[Collected data entries]

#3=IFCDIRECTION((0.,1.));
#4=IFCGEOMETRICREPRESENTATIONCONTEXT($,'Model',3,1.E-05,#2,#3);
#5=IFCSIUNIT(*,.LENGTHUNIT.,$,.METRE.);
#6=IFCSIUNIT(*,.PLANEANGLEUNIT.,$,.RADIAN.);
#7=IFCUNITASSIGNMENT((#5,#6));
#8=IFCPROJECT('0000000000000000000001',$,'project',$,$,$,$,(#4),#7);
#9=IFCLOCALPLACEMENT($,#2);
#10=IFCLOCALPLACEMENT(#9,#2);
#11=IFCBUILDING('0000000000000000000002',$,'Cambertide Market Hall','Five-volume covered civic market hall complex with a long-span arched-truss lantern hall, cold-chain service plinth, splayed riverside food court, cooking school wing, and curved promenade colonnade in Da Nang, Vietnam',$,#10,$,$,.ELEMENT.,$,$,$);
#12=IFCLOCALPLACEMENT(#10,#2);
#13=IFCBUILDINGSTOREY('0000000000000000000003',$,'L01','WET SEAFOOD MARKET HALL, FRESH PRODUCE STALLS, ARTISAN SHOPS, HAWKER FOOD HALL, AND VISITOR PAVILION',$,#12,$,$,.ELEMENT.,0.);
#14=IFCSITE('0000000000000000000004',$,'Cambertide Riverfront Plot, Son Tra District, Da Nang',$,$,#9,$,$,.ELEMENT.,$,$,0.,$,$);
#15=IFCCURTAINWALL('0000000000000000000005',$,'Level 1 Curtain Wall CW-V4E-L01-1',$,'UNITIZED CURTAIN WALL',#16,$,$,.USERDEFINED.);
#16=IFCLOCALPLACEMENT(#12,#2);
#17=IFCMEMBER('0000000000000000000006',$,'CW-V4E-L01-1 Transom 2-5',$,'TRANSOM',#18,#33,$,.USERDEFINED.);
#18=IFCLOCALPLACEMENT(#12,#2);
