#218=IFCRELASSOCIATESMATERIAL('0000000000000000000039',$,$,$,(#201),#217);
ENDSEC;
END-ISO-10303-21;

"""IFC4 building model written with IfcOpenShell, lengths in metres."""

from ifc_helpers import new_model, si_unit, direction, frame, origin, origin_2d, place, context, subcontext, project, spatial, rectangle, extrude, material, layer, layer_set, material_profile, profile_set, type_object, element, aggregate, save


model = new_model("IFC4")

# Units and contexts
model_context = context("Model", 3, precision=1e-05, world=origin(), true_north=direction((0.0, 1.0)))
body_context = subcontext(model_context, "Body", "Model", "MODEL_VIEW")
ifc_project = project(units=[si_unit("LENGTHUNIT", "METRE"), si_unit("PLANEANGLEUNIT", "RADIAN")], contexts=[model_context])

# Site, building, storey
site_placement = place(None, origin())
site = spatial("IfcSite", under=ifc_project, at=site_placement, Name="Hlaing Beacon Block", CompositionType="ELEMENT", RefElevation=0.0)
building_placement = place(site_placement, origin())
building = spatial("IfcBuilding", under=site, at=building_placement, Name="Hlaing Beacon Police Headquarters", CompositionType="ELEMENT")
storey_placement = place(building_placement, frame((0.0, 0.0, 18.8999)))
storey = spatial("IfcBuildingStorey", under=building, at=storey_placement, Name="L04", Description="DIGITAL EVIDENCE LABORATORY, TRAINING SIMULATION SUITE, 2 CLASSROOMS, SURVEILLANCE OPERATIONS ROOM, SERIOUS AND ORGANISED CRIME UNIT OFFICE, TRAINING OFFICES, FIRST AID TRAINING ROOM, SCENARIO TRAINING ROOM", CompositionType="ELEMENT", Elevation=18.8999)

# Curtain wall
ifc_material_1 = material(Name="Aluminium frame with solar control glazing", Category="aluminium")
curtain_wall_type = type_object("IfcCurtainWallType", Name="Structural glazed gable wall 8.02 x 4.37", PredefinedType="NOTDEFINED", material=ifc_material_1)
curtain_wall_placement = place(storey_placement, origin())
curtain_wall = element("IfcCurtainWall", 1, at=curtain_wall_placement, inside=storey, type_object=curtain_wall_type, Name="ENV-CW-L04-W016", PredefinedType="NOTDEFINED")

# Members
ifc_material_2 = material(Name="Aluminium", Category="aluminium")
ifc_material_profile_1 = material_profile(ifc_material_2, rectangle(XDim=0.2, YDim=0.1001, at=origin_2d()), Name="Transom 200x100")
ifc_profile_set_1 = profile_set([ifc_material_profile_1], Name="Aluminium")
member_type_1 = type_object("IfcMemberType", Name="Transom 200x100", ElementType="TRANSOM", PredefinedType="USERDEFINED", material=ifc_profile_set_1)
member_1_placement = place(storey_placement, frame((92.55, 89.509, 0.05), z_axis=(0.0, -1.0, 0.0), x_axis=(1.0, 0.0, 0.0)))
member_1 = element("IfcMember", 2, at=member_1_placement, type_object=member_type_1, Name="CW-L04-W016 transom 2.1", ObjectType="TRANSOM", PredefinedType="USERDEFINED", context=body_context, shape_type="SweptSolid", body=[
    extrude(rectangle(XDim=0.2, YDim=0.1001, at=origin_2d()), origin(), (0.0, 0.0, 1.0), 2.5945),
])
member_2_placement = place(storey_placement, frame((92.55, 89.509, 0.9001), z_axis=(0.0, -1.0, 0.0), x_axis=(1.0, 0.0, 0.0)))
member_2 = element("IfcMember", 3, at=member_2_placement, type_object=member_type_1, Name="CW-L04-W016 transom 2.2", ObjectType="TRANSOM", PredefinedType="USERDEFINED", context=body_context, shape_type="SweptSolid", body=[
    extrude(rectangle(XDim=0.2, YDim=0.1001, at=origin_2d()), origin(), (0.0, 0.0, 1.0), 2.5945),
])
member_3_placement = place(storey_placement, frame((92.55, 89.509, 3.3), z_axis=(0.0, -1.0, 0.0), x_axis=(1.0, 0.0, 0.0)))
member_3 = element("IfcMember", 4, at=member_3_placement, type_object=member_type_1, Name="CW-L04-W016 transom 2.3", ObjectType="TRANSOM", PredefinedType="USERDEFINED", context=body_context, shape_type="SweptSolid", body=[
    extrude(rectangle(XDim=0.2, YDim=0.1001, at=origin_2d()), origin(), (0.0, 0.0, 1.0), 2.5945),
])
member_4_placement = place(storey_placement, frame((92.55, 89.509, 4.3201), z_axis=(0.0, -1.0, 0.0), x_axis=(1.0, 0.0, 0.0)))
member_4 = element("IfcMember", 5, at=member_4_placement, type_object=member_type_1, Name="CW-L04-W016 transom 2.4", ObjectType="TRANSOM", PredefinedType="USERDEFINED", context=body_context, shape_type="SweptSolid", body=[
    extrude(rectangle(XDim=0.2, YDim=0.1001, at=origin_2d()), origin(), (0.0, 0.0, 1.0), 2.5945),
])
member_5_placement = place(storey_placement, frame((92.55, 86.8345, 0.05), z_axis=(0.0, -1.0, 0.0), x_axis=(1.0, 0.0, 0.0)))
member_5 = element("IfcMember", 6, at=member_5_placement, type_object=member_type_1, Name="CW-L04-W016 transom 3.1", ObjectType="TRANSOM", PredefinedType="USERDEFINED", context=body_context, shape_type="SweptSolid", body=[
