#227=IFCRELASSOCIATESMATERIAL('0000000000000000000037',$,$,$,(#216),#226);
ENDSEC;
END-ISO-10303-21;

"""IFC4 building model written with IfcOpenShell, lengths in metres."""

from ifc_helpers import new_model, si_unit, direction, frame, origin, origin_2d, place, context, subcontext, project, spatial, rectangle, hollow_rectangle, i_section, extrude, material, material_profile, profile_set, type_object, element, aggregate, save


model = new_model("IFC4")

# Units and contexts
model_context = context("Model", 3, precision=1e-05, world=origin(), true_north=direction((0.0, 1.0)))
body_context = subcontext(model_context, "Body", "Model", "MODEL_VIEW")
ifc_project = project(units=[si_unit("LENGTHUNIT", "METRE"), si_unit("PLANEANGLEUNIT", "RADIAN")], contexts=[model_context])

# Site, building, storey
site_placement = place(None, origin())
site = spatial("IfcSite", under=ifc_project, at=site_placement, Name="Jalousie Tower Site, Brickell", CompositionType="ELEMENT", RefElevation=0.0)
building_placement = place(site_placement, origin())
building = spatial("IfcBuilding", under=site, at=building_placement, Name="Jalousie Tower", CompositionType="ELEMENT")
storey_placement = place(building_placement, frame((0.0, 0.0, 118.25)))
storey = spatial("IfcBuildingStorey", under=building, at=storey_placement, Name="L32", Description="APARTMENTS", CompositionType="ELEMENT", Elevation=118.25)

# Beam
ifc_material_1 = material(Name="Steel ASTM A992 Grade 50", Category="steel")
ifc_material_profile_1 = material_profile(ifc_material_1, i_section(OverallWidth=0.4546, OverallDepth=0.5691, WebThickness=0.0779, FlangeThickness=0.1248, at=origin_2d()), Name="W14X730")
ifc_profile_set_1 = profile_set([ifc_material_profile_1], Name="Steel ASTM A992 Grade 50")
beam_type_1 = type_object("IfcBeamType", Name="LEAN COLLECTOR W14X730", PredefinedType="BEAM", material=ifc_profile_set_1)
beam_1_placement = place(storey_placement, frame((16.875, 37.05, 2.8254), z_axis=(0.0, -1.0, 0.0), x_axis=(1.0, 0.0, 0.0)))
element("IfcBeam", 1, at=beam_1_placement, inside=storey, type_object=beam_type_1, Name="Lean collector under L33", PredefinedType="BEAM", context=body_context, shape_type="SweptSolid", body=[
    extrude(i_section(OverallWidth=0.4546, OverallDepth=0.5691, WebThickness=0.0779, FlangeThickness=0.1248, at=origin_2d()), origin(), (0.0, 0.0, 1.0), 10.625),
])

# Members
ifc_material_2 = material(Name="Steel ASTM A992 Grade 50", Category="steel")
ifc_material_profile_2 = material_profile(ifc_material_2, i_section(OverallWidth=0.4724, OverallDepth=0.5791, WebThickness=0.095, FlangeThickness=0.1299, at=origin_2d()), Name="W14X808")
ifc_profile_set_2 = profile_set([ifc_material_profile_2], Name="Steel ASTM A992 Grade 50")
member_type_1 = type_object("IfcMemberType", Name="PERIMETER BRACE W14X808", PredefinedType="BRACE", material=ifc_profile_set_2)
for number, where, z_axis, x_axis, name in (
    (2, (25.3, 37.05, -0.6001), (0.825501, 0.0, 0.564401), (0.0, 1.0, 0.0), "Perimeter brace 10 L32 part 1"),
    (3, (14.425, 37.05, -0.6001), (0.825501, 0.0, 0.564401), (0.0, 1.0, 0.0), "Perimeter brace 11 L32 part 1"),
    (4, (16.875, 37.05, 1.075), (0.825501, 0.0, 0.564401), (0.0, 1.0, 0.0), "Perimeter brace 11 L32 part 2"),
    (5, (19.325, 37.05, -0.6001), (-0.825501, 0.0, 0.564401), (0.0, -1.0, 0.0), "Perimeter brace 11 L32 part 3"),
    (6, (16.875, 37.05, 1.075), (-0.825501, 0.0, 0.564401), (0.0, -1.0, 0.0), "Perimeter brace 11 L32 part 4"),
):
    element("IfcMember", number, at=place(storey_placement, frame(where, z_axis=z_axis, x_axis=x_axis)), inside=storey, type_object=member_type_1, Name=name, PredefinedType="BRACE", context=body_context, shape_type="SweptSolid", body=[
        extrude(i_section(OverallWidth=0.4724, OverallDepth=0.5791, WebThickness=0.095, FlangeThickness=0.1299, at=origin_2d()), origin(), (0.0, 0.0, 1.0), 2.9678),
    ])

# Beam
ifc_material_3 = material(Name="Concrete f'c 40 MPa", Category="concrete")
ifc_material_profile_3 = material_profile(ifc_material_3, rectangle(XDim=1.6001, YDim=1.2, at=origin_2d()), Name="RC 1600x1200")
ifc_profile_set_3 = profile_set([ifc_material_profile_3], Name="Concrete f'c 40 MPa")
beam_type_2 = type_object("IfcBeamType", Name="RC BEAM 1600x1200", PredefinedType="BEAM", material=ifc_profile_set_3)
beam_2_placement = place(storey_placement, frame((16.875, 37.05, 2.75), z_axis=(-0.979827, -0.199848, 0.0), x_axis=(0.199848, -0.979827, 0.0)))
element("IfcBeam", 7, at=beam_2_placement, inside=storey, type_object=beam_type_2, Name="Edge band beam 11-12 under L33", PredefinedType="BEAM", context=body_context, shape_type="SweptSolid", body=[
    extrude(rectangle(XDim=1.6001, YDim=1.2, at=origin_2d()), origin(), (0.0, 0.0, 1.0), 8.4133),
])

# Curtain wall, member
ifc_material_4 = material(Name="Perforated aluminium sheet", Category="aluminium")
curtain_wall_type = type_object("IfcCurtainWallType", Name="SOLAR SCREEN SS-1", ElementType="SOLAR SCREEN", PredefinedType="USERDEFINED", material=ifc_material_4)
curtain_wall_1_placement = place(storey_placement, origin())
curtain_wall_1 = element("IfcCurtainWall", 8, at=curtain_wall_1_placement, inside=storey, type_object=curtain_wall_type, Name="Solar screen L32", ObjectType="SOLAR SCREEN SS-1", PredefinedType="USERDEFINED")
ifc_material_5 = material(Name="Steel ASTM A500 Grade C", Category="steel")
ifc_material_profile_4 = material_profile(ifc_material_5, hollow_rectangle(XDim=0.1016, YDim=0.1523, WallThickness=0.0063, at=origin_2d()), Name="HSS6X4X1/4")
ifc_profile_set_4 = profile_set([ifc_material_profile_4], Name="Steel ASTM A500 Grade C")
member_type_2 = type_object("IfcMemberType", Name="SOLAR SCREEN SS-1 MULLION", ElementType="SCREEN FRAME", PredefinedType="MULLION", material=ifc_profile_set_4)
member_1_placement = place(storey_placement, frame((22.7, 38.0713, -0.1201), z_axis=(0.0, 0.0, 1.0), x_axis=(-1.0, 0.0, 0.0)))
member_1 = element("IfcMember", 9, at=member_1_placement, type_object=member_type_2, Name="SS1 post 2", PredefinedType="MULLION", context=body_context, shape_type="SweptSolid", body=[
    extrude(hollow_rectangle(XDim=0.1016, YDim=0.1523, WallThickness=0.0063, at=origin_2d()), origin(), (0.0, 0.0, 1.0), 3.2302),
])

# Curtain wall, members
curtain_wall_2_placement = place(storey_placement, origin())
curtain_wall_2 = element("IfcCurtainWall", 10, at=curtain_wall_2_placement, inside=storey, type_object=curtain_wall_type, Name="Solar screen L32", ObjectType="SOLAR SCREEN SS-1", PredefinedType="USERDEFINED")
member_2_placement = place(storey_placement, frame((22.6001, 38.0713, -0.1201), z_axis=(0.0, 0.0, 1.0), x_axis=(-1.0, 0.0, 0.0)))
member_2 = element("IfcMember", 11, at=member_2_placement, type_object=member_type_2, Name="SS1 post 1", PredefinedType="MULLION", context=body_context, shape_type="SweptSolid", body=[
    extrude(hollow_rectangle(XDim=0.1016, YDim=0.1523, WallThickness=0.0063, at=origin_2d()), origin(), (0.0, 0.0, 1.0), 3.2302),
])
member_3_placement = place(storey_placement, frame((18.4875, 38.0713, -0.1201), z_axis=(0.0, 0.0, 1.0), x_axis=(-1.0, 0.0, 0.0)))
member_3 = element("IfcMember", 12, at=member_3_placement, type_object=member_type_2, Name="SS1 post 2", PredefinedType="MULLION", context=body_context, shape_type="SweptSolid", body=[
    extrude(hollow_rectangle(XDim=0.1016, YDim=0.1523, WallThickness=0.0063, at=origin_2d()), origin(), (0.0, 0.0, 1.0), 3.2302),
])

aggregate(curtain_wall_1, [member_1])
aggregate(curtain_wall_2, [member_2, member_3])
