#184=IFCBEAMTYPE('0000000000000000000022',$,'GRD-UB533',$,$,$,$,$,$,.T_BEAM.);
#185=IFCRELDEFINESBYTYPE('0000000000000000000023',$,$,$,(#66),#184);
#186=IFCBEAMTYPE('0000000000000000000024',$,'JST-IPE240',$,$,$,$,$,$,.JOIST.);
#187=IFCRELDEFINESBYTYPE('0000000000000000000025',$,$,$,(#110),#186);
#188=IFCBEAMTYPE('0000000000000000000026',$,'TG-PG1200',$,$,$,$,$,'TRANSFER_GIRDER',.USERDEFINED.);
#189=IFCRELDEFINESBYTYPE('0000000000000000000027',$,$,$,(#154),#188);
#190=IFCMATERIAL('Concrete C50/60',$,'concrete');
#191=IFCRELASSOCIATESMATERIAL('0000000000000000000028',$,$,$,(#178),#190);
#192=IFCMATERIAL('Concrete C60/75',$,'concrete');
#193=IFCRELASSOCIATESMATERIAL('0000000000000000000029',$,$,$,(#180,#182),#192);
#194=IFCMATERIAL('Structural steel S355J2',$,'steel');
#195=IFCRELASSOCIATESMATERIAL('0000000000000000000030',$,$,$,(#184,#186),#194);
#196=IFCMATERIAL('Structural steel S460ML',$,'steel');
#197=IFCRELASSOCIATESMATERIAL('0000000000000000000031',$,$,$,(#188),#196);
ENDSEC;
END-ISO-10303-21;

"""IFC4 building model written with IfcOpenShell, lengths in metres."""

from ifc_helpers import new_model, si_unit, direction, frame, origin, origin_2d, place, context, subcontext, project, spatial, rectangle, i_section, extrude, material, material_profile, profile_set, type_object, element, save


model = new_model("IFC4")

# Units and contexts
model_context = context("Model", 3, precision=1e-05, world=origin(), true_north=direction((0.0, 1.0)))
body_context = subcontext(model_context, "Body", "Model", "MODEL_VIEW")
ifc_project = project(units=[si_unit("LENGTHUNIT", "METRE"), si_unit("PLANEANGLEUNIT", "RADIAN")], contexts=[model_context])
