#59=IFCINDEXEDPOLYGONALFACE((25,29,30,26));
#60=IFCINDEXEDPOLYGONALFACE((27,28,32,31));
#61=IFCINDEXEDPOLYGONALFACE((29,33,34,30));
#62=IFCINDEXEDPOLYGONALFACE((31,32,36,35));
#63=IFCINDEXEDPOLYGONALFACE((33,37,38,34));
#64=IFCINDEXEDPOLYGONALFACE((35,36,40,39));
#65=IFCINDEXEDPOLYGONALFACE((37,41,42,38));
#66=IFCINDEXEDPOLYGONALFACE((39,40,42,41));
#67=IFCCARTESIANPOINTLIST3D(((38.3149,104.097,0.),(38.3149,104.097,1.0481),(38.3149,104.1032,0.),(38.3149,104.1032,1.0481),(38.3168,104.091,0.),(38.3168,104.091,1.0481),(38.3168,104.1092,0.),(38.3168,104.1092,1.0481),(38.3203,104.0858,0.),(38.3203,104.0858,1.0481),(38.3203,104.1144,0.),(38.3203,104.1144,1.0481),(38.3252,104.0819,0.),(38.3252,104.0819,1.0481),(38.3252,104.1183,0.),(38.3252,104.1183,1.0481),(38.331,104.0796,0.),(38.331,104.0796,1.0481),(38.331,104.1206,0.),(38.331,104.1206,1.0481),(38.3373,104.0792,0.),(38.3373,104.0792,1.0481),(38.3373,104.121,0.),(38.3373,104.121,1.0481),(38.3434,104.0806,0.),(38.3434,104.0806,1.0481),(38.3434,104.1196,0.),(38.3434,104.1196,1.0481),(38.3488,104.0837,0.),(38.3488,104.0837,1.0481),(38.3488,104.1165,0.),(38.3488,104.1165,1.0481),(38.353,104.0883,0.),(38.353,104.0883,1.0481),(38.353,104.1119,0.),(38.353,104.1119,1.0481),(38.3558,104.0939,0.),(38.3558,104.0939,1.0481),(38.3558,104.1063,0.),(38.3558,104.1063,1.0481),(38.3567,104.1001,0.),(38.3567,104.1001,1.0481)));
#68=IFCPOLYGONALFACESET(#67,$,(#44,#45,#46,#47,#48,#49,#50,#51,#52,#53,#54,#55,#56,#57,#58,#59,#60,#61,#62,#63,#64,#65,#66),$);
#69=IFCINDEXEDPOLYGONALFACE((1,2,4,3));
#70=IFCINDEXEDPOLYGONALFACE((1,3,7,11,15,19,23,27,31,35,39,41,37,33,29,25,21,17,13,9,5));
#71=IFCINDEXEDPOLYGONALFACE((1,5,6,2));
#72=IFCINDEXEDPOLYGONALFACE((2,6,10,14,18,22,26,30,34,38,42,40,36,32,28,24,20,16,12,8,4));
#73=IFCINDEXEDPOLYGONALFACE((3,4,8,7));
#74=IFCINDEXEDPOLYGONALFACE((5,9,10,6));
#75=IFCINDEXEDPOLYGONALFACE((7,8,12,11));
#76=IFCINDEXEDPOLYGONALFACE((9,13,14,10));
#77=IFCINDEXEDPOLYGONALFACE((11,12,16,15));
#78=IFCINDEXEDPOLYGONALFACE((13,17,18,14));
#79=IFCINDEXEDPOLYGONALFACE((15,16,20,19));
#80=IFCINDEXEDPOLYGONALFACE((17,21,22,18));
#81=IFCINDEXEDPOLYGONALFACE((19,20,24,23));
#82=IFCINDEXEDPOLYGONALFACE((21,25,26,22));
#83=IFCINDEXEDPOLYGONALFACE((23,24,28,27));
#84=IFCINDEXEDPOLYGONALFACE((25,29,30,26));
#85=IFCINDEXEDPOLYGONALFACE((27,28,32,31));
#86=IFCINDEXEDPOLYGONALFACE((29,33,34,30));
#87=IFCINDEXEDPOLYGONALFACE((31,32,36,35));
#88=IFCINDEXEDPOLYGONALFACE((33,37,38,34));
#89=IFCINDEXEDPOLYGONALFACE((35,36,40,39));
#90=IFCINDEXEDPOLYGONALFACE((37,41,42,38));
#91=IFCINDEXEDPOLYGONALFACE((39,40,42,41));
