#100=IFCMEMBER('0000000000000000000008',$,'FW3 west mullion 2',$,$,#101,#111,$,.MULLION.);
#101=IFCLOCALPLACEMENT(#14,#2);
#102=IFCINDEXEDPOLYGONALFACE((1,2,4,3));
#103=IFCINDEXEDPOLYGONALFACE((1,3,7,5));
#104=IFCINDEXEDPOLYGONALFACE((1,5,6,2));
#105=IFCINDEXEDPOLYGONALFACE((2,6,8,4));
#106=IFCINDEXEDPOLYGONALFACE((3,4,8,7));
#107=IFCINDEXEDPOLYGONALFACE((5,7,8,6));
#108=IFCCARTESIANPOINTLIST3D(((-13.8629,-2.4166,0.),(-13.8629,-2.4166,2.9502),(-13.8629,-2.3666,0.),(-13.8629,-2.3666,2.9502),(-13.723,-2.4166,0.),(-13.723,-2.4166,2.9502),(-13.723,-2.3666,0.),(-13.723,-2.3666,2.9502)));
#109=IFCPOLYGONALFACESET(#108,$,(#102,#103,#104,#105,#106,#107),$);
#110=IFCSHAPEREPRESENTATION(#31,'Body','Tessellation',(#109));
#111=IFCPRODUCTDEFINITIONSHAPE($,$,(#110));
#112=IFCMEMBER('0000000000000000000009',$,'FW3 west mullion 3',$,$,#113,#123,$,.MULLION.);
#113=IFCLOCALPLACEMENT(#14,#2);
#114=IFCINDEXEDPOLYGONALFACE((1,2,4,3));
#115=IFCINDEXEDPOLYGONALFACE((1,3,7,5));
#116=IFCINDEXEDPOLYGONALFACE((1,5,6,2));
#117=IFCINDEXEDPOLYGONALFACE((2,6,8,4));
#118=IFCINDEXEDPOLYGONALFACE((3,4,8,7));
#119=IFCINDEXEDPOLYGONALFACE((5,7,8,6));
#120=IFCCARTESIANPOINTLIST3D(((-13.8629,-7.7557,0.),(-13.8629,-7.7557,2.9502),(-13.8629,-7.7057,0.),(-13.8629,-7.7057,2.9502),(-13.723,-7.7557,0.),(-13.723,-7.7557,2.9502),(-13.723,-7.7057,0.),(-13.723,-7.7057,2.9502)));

*What you should do:* What is needed is every line from the start of the entries through the line containing "#10=IFCLOCALPLACEMENT(#9,#2);", returned word for word and nothing else.

*Solution to this task:*
#3=IFCDIRECTION((0.,1.));
#4=IFCGEOMETRICREPRESENTATIONCONTEXT($,'Model',3,1.E-05,#2,#3);
#5=IFCSIUNIT(*,.LENGTHUNIT.,$,.METRE.);
#6=IFCSIUNIT(*,.PLANEANGLEUNIT.,$,.RADIAN.);
#7=IFCUNITASSIGNMENT((#5,#6));
#8=IFCPROJECT('0000000000000000000001',$,'project',$,$,$,$,(#4),#7);
#9=IFCLOCALPLACEMENT($,#2);
#10=IFCLOCALPLACEMENT(#9,#2);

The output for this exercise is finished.